§ Saved entries
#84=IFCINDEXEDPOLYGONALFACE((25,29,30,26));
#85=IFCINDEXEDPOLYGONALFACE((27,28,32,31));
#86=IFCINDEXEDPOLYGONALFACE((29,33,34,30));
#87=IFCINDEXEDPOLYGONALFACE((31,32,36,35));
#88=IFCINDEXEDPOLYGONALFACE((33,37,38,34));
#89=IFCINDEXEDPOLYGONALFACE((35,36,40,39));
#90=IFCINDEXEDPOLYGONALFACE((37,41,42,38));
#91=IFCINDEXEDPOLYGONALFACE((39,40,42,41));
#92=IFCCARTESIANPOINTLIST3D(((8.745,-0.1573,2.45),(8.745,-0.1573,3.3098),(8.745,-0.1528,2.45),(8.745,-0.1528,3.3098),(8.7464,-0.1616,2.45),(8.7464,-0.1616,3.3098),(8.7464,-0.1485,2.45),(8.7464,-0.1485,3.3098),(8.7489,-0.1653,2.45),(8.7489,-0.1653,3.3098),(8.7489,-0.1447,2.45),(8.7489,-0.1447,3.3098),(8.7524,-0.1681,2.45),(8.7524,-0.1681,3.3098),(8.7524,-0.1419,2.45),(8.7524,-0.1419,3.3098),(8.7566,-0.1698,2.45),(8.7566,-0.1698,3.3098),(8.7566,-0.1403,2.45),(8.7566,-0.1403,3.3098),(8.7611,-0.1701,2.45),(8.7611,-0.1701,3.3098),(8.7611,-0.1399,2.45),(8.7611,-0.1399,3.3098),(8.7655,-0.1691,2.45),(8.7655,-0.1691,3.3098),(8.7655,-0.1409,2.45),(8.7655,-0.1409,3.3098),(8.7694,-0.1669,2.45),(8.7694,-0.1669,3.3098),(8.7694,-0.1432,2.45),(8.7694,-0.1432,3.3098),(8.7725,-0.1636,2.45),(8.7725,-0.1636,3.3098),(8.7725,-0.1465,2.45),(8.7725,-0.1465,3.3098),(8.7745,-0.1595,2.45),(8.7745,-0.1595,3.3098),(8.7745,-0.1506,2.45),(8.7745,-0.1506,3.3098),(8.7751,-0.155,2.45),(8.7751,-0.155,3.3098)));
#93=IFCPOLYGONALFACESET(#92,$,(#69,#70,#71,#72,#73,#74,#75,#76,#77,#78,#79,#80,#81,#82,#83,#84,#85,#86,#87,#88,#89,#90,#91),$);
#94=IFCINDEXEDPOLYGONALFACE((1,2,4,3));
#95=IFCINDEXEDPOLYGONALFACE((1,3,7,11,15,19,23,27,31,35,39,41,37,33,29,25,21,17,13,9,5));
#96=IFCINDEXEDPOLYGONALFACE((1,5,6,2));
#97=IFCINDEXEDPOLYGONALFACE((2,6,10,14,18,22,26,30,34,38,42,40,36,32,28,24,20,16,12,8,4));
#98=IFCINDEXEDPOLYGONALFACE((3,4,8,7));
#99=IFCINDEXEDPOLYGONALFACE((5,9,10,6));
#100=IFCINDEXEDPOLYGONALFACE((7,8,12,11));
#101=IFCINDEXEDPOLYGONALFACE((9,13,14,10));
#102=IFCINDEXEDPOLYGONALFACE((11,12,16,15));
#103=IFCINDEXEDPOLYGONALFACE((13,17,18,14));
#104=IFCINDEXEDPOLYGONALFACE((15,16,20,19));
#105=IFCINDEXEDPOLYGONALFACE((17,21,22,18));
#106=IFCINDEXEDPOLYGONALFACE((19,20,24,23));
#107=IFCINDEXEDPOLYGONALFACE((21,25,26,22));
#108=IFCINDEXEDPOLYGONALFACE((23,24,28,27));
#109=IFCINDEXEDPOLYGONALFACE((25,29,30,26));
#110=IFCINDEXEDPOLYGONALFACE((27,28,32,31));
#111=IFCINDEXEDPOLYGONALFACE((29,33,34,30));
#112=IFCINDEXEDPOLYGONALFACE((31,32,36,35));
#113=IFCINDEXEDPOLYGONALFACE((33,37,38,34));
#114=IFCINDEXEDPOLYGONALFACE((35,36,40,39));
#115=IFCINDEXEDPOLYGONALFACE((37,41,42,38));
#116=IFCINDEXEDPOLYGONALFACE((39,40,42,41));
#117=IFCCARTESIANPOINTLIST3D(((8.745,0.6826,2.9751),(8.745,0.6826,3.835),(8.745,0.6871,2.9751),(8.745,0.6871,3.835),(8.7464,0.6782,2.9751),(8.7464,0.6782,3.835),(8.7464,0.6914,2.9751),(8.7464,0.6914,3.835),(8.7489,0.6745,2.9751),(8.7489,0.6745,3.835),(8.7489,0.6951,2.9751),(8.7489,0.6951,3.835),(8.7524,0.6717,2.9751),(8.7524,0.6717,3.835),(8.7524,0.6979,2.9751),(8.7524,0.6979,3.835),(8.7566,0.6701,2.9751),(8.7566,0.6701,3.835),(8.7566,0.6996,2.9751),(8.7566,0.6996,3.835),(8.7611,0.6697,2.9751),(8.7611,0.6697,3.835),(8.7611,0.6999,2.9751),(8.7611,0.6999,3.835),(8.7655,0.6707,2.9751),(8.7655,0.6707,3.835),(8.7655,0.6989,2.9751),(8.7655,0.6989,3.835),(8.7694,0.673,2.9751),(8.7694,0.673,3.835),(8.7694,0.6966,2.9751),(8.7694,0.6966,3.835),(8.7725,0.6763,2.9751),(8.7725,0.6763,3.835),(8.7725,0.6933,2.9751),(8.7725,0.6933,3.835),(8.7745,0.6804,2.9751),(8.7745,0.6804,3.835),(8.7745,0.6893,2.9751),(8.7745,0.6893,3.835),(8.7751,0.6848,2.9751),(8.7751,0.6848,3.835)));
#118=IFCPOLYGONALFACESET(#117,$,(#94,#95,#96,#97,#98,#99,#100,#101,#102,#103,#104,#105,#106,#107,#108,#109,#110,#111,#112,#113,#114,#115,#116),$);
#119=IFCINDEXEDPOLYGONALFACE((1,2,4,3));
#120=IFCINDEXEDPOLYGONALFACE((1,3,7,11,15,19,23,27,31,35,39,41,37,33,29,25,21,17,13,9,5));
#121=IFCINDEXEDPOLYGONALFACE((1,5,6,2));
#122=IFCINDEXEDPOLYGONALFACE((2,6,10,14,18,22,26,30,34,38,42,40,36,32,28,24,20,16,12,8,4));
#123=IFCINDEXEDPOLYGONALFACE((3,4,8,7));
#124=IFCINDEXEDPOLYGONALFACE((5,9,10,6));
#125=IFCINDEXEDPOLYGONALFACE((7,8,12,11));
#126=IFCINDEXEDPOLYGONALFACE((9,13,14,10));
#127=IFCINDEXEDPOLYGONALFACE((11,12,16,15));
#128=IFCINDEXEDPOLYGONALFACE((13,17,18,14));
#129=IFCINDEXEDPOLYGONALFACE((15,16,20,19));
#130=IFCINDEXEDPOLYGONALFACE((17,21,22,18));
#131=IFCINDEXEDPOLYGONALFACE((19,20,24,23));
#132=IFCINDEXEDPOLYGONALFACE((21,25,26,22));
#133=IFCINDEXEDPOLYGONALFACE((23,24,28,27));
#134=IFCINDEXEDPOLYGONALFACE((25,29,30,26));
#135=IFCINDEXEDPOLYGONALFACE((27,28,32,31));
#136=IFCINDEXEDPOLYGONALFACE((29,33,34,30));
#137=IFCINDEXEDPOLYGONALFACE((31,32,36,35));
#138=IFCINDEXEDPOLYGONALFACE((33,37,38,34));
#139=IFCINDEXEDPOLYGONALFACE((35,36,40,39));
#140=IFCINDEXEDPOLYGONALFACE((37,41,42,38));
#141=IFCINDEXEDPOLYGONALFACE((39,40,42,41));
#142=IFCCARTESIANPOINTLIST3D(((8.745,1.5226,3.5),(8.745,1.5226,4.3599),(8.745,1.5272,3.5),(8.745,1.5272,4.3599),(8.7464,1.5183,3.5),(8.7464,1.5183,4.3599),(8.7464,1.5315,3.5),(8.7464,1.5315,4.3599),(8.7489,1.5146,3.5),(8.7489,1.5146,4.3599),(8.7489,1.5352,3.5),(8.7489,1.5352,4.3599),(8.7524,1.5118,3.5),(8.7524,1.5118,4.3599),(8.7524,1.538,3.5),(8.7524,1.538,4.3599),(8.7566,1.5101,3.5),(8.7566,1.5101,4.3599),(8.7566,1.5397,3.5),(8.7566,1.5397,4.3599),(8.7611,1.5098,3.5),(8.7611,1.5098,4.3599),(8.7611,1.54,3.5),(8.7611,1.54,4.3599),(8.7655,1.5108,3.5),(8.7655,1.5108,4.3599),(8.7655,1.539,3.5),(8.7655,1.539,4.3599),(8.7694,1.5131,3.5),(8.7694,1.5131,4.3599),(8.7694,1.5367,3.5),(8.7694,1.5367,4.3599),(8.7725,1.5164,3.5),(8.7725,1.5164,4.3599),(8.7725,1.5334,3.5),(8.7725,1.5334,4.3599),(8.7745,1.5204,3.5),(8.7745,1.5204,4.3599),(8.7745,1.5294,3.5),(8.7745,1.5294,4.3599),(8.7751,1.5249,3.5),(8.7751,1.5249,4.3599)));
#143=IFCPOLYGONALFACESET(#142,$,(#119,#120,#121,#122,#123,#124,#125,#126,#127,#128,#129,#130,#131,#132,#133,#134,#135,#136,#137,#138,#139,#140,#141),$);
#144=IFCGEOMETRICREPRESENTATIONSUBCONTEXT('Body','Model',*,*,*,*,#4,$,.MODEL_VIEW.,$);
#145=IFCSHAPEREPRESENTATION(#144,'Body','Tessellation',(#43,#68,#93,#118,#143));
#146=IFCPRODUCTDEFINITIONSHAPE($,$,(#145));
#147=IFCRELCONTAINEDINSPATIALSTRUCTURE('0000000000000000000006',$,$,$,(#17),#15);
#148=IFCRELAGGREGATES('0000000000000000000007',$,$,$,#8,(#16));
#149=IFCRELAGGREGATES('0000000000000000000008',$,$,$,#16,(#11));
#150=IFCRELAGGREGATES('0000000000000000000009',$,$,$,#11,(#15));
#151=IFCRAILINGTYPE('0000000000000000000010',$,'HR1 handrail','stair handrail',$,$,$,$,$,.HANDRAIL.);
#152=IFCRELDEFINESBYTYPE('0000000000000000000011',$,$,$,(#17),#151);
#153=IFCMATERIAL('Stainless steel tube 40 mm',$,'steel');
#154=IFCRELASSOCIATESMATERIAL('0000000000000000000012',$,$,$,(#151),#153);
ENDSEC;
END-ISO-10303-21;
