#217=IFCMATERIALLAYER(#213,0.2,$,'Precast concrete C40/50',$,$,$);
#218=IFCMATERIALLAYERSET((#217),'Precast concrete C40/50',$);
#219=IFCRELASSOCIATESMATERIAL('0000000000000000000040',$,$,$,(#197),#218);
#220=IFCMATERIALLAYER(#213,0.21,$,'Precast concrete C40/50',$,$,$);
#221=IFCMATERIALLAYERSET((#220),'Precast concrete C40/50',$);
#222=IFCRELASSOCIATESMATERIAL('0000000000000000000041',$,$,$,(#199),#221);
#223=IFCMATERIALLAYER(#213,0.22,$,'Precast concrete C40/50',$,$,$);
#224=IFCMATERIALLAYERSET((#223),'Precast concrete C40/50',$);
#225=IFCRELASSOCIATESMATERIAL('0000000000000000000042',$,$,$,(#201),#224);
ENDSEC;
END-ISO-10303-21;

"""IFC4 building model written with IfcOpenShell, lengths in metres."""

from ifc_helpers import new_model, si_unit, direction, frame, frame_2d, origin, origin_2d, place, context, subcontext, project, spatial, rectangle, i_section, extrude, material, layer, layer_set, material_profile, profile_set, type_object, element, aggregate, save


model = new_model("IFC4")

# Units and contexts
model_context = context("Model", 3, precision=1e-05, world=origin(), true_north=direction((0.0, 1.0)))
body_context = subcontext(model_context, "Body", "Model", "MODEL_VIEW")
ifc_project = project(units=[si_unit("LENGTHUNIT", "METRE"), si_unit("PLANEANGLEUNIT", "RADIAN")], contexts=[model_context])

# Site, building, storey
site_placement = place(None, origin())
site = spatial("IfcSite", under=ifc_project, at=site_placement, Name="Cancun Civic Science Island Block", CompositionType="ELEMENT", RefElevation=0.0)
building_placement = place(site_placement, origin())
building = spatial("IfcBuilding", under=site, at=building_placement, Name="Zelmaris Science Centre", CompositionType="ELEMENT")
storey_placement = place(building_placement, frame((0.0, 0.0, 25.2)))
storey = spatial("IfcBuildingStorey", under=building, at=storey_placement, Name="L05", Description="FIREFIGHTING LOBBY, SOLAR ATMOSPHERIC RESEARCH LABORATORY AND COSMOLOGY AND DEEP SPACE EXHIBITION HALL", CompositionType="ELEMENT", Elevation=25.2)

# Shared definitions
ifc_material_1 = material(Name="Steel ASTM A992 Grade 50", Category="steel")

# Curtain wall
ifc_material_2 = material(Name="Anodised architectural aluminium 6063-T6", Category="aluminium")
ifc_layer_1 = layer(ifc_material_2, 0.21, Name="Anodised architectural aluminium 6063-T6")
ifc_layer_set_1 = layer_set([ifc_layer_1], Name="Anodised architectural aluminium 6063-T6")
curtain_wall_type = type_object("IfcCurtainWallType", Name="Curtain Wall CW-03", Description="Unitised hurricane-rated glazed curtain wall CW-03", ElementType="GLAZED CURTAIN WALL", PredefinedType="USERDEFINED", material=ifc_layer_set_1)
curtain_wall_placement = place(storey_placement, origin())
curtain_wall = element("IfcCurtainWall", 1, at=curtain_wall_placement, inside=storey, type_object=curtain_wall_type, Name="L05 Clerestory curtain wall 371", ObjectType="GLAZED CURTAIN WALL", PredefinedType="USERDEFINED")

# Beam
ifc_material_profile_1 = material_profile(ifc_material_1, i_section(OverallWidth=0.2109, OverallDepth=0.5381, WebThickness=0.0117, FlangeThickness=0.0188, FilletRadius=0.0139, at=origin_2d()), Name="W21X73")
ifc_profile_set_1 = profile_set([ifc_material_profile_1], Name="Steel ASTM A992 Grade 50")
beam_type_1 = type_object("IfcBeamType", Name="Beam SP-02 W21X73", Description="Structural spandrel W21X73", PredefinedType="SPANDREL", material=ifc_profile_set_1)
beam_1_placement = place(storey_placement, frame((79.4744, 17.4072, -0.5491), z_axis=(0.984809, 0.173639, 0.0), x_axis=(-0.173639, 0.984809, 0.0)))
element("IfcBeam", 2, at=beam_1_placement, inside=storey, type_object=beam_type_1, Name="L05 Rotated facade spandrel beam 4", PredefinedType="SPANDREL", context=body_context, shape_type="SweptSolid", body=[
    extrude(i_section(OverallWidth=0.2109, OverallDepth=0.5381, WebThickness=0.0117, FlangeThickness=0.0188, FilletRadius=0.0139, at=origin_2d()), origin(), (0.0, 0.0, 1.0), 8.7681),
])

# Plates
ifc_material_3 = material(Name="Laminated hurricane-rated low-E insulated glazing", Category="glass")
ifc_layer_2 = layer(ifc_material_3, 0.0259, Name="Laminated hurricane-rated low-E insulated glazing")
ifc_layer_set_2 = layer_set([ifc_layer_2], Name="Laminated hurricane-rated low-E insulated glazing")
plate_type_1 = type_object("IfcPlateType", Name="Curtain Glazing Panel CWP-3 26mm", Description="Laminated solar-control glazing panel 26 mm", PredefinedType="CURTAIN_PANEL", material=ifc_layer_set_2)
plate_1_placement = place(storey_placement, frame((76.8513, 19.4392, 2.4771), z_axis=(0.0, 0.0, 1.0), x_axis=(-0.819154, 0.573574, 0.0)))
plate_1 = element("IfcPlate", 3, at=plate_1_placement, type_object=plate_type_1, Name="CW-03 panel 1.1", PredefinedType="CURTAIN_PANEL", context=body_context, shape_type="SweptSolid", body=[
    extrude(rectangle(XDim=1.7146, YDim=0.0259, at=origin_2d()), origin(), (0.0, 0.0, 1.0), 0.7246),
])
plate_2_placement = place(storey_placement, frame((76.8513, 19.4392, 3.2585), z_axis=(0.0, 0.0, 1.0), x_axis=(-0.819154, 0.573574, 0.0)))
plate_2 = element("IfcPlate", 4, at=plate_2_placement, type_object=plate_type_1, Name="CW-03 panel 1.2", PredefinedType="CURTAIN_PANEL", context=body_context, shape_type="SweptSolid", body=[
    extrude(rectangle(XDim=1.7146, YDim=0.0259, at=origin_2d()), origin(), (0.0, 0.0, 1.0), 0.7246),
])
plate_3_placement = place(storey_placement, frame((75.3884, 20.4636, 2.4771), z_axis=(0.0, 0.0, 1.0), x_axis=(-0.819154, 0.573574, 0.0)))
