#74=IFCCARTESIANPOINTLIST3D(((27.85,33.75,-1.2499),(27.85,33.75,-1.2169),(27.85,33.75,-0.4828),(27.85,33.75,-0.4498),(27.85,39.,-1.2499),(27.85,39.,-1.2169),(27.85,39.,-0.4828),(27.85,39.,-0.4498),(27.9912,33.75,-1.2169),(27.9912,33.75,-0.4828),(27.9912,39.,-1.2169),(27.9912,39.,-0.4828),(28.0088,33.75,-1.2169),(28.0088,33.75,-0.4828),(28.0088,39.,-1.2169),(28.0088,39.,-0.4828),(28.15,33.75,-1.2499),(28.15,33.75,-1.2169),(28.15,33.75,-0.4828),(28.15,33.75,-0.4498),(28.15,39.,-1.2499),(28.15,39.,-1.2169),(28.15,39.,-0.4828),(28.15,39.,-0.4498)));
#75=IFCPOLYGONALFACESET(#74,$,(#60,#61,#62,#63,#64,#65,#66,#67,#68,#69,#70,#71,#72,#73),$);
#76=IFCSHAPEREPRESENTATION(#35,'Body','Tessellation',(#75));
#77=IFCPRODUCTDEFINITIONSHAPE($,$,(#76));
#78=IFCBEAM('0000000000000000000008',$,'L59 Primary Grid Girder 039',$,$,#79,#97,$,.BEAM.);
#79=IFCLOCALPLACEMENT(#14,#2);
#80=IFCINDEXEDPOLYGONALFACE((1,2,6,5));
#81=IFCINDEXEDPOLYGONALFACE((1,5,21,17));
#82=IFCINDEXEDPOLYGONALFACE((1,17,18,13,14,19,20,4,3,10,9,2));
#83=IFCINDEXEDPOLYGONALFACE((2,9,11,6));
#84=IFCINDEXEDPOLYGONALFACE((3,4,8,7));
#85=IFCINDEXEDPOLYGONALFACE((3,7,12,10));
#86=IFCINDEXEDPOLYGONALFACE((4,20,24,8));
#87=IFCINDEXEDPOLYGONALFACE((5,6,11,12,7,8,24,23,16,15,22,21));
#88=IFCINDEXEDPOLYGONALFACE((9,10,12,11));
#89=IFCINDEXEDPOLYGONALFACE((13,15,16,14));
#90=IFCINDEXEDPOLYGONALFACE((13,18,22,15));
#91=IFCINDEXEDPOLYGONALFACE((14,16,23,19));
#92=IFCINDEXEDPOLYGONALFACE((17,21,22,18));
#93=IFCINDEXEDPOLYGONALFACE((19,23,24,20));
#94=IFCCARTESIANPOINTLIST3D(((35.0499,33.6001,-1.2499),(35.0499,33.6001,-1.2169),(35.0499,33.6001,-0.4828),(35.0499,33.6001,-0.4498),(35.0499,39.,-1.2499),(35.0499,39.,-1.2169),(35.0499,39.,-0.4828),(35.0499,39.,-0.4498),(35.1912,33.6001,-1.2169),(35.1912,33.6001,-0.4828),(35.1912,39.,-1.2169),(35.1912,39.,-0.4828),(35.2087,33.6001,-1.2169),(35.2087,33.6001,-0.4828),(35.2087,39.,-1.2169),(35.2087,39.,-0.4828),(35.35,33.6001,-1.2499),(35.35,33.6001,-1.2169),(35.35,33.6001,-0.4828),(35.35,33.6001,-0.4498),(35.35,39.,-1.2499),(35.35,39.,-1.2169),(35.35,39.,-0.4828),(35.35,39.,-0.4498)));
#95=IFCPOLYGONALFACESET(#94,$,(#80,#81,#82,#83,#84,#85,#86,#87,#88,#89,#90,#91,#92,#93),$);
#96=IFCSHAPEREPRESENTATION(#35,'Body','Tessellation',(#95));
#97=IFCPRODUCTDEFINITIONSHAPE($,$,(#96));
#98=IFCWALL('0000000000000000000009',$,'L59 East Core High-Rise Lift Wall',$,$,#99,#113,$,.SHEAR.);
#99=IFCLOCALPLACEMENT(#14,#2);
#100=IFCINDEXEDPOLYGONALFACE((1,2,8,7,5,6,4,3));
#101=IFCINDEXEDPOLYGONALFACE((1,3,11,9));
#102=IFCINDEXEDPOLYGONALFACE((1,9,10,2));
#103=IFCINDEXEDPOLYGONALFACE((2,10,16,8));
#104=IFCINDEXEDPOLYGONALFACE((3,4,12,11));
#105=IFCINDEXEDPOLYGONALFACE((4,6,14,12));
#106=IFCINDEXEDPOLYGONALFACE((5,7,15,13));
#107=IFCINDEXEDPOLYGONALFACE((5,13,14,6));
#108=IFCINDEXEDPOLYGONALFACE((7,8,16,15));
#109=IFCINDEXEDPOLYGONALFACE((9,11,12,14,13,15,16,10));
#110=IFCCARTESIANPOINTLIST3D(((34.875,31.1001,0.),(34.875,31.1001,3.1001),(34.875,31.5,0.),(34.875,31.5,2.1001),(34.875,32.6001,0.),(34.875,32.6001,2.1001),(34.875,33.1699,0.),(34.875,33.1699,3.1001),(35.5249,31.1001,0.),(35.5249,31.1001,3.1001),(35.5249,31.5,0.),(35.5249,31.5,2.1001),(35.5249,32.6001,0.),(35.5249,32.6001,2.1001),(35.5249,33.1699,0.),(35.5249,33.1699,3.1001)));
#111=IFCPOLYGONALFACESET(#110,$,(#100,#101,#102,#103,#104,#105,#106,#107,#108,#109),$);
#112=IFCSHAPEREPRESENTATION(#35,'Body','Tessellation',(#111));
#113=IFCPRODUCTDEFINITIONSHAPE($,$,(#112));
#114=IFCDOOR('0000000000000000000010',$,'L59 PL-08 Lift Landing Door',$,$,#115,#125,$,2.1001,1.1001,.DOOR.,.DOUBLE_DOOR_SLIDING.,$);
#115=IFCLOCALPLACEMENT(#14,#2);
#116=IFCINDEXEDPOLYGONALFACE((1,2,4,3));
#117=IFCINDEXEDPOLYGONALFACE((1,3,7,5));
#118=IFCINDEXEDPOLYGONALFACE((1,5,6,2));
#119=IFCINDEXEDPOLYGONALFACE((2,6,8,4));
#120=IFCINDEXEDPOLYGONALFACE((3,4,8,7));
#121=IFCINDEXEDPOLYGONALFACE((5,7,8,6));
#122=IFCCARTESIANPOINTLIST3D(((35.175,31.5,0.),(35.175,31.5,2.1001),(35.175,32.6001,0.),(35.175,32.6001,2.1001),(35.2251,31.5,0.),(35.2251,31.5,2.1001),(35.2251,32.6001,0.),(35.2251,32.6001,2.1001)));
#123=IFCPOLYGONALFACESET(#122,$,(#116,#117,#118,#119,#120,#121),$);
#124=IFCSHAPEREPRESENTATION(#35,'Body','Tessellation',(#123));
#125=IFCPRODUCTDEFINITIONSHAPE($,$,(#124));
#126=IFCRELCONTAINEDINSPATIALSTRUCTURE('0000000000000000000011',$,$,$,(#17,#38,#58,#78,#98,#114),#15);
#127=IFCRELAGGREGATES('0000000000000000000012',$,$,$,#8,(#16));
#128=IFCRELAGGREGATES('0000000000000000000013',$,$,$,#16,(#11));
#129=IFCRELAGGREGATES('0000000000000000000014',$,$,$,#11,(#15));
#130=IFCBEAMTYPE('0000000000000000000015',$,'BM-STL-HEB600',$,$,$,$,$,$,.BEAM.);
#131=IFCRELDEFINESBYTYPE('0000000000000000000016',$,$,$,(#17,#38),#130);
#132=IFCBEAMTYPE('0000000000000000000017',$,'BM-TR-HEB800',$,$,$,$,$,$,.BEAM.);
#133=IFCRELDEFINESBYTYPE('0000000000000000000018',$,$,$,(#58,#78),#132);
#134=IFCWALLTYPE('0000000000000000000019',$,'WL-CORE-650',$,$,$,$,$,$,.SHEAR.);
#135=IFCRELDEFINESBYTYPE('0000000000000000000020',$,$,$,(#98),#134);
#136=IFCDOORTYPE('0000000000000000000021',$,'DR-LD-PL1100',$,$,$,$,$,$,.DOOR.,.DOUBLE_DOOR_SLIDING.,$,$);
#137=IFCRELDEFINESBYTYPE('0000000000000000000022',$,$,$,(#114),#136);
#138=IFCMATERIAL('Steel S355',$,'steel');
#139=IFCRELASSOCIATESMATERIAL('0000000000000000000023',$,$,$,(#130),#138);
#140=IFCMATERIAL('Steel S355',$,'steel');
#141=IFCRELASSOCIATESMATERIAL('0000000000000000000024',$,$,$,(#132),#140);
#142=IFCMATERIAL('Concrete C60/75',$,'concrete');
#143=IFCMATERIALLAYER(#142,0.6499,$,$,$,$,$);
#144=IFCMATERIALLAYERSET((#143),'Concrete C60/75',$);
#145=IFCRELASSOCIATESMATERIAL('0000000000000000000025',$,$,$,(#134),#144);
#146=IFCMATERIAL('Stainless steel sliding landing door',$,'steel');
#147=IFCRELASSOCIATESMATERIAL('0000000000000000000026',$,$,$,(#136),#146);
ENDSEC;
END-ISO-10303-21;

§ Task description
Check each line of the data above for the string "OverallDepth" and report only how many lines have it.

§ Expected answer
2